Work task - Scan the records below and report how many lines contain the word "from", giving the number by itself.

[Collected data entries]
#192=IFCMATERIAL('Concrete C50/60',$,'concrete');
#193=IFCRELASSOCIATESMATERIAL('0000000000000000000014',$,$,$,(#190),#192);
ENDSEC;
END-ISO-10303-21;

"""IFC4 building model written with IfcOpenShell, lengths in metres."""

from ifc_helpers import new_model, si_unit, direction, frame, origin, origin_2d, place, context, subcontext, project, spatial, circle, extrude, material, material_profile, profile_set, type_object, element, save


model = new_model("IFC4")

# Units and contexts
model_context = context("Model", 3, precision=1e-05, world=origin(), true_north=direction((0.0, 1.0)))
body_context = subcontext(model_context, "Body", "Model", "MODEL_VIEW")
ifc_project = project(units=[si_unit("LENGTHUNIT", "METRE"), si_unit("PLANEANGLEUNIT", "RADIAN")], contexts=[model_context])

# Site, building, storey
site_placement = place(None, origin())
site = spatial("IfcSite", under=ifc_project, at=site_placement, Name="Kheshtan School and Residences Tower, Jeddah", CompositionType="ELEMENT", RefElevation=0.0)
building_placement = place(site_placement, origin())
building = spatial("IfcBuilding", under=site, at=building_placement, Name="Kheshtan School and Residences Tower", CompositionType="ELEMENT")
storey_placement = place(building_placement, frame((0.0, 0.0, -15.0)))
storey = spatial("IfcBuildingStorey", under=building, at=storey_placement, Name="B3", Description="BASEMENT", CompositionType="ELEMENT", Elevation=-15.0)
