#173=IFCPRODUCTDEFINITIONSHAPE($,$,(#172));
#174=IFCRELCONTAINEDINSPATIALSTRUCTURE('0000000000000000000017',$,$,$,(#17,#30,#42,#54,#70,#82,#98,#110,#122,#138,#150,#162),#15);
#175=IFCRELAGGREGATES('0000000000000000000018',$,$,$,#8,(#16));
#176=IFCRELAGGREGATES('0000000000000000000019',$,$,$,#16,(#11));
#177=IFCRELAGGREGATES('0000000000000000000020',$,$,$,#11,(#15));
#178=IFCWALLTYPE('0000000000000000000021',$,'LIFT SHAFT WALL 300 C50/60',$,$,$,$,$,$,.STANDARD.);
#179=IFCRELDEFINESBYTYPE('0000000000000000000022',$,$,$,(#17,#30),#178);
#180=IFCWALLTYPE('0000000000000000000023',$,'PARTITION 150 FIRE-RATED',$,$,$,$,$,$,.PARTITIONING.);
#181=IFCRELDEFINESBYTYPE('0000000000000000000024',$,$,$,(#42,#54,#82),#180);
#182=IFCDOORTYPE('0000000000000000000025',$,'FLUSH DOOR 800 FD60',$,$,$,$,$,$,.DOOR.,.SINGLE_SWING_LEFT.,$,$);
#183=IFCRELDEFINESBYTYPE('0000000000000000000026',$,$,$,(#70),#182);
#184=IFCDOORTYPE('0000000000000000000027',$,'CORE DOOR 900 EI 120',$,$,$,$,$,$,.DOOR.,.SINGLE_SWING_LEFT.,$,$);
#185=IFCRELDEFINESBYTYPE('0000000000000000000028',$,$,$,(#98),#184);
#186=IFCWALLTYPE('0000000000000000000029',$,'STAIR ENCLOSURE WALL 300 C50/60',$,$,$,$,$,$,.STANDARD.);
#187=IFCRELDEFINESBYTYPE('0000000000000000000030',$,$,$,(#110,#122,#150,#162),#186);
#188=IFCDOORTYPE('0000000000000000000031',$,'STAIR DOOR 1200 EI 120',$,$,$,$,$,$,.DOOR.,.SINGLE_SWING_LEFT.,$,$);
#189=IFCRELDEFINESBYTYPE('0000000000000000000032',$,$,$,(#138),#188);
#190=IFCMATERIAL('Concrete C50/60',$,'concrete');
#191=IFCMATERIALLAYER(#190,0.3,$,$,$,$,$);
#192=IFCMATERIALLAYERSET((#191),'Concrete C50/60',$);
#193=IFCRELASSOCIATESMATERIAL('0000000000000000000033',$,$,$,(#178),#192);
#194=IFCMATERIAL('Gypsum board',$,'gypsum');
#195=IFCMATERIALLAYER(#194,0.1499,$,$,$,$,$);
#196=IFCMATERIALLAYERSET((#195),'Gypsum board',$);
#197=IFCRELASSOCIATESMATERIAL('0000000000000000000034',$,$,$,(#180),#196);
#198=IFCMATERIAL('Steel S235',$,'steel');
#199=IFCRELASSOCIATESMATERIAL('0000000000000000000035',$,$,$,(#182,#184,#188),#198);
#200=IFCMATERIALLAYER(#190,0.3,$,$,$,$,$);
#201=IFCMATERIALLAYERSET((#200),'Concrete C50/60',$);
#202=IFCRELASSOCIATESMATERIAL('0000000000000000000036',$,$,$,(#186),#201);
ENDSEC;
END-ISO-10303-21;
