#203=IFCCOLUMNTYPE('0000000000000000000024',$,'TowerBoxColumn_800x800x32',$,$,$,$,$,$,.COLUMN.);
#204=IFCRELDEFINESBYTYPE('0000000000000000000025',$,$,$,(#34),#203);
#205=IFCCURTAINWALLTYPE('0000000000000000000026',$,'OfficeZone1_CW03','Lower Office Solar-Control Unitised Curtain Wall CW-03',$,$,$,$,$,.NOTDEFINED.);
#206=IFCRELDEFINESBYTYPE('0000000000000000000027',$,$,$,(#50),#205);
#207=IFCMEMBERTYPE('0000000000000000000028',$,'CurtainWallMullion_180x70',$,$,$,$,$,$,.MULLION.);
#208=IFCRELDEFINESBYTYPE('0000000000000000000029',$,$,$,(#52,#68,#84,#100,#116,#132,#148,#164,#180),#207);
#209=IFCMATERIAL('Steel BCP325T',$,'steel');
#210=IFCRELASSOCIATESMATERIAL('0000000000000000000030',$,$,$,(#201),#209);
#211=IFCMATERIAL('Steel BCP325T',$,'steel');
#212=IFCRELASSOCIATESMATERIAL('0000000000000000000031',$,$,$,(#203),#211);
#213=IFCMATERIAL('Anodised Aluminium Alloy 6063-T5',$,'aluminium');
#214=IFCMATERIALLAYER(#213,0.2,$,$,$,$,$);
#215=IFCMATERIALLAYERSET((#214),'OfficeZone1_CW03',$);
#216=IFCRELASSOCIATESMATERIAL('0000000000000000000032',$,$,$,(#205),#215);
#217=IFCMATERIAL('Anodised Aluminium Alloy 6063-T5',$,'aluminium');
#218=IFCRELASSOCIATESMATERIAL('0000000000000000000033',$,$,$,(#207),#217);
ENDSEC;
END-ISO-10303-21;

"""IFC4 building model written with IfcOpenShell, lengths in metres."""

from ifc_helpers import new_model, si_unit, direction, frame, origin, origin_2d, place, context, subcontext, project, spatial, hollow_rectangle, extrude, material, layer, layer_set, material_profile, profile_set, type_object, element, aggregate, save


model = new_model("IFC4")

Output - 2